[Stored data entries]

________________________

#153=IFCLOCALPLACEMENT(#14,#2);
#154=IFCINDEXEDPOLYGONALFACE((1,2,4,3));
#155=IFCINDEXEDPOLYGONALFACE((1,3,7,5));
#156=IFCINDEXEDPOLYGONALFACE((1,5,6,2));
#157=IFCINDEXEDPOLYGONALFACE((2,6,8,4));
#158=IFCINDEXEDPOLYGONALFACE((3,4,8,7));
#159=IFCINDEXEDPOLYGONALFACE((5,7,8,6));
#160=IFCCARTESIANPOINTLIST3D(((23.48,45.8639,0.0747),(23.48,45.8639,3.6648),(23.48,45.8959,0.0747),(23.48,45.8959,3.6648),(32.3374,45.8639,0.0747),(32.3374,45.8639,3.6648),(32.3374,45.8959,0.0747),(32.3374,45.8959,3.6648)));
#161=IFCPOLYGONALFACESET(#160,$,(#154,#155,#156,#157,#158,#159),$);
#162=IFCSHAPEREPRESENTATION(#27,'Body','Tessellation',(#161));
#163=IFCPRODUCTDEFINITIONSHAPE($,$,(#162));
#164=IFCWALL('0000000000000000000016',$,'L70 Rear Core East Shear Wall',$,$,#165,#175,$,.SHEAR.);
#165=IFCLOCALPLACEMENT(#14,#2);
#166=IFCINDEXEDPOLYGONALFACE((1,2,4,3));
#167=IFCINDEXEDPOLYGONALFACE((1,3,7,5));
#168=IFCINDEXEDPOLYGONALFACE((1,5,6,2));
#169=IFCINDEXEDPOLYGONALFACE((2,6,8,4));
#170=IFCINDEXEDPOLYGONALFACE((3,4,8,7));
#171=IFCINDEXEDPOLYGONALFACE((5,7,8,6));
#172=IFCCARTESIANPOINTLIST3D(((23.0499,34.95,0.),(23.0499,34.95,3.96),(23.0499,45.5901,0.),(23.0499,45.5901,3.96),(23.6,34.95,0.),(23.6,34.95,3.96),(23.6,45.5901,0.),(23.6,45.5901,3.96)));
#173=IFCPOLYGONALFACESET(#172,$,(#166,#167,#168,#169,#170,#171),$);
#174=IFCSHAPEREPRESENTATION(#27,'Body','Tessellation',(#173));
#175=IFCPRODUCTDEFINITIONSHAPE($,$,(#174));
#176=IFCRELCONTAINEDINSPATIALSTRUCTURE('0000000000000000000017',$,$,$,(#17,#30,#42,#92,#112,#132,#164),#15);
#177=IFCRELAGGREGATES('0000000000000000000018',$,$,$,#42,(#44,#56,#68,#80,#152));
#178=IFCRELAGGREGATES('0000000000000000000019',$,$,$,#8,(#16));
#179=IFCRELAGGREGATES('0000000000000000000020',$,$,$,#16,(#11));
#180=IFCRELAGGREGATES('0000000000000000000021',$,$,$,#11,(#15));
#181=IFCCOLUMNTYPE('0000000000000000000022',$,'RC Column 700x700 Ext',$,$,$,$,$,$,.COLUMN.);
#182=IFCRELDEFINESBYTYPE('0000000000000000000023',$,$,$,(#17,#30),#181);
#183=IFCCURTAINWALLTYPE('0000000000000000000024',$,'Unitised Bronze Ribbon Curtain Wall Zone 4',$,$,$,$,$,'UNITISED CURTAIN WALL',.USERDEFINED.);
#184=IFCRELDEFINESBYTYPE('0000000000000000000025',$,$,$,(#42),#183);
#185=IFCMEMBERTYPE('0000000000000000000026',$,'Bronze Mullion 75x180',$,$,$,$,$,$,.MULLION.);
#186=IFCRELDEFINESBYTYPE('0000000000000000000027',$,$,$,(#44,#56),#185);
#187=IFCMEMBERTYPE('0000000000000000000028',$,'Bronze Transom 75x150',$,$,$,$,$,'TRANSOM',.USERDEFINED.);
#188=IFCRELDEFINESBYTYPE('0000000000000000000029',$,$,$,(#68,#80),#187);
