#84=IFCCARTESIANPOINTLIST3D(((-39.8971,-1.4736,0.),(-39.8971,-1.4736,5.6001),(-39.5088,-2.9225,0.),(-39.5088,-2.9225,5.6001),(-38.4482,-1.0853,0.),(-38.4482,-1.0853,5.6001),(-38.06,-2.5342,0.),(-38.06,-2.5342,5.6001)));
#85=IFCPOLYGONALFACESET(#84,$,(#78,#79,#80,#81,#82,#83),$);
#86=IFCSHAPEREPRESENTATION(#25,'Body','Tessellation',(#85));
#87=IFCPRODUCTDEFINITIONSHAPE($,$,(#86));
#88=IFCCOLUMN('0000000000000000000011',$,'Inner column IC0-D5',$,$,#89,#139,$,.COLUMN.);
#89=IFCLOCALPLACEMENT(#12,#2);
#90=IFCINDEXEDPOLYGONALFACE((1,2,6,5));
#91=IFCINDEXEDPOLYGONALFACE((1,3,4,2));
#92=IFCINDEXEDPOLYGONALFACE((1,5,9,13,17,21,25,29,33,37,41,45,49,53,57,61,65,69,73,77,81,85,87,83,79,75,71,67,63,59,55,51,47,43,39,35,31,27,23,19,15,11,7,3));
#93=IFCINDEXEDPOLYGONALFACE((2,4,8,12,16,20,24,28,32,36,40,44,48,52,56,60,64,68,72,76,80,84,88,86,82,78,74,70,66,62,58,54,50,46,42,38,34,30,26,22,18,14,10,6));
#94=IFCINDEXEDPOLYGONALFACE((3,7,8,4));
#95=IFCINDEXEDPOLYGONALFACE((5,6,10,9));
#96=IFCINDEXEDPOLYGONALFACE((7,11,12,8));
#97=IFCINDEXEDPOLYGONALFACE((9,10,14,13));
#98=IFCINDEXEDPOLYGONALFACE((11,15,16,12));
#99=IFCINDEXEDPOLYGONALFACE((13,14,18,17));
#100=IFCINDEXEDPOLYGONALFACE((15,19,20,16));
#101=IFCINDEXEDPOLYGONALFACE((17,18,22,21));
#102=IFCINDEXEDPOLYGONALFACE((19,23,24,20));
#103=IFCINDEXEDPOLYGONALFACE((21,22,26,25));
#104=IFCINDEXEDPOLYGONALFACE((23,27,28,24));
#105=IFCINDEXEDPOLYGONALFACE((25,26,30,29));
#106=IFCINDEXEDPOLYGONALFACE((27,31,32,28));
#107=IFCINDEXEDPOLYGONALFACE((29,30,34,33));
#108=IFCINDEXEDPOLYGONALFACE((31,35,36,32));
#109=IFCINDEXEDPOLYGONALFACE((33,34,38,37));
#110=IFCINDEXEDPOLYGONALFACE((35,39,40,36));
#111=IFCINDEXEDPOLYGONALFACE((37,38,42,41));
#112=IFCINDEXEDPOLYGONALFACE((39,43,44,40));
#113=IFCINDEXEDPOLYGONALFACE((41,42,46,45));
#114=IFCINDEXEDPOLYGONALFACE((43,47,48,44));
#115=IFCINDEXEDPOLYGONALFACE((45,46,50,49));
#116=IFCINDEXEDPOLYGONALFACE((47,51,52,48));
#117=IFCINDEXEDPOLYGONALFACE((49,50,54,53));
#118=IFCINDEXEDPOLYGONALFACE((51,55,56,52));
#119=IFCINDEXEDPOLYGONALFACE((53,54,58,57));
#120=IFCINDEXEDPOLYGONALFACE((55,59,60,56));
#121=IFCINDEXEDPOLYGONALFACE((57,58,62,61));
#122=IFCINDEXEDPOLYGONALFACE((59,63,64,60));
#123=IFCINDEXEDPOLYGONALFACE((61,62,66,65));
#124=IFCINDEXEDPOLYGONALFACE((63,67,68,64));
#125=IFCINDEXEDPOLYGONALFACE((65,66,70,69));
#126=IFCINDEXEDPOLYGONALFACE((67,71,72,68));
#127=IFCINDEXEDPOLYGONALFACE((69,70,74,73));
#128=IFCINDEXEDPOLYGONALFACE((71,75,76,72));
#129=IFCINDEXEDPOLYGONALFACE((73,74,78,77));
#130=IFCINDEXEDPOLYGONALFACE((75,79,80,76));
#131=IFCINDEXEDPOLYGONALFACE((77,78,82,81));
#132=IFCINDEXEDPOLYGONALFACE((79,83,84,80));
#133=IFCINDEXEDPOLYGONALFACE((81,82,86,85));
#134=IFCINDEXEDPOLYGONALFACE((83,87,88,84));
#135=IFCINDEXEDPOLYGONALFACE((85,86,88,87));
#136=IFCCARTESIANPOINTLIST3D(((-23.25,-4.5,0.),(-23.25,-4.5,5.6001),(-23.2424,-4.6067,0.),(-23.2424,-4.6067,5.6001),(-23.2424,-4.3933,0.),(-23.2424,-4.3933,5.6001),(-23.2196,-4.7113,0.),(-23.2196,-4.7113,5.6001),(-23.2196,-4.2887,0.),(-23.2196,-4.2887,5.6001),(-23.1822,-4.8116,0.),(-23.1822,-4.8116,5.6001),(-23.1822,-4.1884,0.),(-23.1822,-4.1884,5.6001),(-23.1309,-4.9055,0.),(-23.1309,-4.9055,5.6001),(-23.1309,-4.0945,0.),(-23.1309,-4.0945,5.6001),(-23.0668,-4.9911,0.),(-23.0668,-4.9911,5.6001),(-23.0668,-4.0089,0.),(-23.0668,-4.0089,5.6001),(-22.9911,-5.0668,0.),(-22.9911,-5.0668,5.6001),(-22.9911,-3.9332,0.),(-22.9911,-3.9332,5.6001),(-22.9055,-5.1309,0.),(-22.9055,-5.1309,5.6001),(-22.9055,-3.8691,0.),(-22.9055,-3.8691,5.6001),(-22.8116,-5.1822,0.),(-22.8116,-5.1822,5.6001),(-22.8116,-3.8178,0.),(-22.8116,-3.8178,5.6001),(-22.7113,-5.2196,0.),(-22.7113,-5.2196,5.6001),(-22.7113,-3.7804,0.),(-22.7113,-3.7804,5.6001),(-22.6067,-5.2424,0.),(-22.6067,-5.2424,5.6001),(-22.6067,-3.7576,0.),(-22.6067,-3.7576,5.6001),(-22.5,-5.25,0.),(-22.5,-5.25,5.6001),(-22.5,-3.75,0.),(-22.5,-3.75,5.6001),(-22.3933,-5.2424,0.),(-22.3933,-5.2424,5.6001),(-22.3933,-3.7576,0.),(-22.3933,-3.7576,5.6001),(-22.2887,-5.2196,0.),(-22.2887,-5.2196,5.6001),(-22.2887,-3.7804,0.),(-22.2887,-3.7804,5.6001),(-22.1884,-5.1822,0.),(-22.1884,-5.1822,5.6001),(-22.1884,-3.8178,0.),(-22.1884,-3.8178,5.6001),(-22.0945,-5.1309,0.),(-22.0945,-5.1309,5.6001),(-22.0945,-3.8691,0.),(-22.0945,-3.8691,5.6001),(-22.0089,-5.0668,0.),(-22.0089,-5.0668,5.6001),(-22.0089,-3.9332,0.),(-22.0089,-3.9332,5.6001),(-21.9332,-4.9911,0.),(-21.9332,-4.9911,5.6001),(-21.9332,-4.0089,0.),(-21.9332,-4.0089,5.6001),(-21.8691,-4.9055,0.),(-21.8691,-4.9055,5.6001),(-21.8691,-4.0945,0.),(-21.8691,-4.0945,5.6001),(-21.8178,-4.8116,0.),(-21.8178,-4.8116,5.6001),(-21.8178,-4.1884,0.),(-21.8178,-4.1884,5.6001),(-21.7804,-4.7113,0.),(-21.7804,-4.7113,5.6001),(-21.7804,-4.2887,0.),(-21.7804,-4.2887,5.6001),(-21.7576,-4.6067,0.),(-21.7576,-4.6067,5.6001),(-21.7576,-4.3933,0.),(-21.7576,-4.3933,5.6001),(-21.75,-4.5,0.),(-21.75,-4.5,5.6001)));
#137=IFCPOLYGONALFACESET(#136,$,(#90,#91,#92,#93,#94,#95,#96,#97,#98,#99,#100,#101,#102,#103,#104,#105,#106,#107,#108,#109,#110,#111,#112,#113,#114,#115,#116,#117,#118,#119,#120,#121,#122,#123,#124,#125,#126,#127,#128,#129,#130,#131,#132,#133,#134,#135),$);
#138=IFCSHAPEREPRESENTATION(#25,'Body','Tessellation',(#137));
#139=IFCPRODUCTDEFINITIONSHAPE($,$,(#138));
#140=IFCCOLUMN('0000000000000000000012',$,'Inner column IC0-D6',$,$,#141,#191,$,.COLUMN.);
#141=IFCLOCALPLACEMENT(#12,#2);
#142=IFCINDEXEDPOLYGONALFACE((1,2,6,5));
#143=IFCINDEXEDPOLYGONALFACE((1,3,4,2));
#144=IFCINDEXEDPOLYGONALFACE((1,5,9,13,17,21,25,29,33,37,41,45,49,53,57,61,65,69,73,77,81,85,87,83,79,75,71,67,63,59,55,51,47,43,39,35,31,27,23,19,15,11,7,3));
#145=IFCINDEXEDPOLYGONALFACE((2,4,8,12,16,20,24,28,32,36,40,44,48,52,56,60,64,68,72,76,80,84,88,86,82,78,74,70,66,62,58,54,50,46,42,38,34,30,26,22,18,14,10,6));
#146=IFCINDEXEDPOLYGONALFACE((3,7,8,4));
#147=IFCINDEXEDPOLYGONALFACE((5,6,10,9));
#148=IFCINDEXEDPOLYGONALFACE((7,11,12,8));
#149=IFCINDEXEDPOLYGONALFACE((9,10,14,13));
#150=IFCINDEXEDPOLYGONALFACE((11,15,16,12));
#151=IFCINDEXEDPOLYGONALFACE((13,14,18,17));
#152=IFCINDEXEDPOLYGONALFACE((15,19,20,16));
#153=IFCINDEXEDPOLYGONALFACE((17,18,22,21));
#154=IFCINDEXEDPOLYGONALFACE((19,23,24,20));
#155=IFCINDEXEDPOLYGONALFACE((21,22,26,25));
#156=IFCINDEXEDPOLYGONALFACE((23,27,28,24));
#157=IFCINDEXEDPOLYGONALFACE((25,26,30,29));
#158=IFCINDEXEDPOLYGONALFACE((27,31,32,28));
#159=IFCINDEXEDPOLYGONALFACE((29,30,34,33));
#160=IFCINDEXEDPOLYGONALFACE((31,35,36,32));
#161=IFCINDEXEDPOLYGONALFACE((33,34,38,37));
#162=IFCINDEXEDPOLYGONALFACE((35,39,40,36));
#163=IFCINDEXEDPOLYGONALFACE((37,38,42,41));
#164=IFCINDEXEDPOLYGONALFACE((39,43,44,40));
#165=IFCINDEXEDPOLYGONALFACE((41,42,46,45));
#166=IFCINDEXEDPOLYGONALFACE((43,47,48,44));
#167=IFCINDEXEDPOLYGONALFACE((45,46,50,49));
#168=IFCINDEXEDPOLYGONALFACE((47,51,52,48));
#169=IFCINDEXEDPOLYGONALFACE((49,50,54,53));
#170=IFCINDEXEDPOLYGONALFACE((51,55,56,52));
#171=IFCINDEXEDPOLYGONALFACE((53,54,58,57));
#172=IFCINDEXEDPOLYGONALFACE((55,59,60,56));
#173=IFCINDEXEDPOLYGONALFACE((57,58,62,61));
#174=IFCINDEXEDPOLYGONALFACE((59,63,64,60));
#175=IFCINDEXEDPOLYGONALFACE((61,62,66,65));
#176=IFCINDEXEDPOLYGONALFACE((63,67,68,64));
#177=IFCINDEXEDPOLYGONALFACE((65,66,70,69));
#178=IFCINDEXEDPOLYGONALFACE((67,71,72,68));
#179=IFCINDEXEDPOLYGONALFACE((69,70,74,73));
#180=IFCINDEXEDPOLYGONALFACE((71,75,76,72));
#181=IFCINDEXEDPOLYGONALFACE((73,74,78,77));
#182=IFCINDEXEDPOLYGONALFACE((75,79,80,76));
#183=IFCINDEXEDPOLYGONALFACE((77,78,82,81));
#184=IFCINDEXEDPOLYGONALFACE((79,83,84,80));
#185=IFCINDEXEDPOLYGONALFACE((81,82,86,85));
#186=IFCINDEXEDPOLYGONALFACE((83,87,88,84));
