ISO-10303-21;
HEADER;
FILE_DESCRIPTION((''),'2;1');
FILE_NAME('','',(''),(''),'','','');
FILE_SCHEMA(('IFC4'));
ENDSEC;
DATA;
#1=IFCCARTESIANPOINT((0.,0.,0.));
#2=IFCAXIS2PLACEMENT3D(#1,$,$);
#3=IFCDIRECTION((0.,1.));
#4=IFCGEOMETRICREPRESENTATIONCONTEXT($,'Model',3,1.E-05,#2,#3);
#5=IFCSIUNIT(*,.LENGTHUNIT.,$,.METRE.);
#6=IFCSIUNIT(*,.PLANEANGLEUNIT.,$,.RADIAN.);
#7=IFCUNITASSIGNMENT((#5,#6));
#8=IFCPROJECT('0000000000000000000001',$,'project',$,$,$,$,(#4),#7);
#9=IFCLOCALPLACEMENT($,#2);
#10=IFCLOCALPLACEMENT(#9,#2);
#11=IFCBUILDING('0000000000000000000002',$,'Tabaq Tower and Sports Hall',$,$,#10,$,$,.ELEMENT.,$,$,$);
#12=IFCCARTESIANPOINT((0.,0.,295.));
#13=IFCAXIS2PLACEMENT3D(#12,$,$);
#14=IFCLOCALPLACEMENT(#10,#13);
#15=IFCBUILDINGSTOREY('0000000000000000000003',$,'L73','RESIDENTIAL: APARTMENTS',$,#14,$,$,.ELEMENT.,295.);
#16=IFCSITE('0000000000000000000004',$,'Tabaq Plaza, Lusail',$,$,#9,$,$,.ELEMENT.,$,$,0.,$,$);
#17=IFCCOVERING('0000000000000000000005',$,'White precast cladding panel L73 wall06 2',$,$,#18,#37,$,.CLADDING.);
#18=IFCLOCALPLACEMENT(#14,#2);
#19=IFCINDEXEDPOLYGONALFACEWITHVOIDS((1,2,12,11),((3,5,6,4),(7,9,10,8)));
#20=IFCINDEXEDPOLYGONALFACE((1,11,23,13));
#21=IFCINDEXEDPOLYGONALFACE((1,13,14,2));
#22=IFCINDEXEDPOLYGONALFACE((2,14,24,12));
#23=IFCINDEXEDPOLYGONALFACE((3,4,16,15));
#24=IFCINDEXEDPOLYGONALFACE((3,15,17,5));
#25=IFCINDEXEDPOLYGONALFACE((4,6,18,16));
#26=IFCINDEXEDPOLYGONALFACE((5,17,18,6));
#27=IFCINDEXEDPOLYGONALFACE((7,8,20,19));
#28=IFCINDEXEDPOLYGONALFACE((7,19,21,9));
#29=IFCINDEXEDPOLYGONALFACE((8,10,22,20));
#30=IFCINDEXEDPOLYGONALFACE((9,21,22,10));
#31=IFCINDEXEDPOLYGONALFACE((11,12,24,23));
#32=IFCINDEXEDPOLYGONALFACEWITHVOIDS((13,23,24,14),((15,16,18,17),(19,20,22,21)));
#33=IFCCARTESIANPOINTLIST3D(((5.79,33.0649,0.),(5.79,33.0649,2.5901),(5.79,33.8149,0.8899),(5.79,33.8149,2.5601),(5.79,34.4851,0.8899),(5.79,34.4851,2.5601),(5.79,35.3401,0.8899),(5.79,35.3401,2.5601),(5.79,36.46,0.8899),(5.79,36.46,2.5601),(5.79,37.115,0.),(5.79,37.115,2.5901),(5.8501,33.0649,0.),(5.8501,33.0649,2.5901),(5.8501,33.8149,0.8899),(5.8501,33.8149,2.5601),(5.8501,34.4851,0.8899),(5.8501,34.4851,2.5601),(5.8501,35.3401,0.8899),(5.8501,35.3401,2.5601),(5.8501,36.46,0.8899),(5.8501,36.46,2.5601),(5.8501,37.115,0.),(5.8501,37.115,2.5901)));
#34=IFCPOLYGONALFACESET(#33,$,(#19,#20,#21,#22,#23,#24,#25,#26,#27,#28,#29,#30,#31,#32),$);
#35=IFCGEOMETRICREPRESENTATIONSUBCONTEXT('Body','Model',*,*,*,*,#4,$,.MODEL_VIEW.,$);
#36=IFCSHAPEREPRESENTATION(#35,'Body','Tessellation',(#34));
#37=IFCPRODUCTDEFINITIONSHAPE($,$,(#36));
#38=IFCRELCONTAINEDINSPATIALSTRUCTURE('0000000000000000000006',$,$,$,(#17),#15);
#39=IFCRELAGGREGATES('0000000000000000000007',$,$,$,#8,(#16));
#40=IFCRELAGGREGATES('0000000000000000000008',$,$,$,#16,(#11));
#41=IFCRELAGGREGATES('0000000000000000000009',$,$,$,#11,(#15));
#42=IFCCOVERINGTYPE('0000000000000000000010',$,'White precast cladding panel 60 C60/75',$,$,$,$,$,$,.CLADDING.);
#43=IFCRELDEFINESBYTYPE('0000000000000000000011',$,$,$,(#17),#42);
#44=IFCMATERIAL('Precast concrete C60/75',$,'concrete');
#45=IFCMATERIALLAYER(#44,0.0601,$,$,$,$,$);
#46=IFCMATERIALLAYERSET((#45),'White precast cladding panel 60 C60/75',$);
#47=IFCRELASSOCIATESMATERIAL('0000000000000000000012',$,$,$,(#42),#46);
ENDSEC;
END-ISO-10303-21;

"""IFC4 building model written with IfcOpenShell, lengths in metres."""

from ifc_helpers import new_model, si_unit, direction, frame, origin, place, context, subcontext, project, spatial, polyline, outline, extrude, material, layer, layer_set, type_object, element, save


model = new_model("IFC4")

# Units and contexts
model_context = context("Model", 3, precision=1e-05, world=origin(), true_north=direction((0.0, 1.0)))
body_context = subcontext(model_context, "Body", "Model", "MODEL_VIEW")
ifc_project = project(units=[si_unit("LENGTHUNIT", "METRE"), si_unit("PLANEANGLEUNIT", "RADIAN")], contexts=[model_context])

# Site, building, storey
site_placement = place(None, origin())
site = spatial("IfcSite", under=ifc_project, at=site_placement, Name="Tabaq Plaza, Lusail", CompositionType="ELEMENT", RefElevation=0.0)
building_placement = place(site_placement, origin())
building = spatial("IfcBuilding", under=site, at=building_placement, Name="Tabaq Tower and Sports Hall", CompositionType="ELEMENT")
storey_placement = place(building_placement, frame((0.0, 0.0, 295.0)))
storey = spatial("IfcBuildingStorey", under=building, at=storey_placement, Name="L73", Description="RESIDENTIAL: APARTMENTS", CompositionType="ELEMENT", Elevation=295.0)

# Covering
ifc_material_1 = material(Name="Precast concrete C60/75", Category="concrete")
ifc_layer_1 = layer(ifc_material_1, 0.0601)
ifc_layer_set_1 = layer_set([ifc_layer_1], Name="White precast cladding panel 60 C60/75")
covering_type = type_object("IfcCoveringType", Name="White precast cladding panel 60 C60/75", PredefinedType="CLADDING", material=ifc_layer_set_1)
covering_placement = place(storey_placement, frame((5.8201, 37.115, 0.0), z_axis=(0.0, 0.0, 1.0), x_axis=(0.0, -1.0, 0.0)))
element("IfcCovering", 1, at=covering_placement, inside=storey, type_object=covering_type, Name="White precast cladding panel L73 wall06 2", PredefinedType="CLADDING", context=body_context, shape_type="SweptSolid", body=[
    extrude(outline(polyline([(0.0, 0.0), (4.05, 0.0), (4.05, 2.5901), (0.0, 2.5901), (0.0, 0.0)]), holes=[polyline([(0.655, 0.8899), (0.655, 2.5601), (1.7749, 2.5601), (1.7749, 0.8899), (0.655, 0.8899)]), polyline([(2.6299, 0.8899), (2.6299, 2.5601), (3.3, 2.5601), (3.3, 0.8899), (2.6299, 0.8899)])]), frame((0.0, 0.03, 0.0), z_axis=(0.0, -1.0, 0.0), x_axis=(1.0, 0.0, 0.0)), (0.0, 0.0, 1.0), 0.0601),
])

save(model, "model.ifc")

________________________

Exercise
Starting at the line above that holds "#40=IFCRELAGGREGATES('0000000000000000000008',$,$,$,#16,(#11));" and ending at the line that holds "#44=IFCMATERIAL('Precast concrete C60/75',$,'concrete');", transcribe each line exactly and include no other lines.

Solution for this problem
#40=IFCRELAGGREGATES('0000000000000000000008',$,$,$,#16,(#11));
#41=IFCRELAGGREGATES('0000000000000000000009',$,$,$,#11,(#15));
#42=IFCCOVERINGTYPE('0000000000000000000010',$,'White precast cladding panel 60 C60/75',$,$,$,$,$,$,.CLADDING.);
#43=IFCRELDEFINESBYTYPE('0000000000000000000011',$,$,$,(#17),#42);
#44=IFCMATERIAL('Precast concrete C60/75',$,'concrete');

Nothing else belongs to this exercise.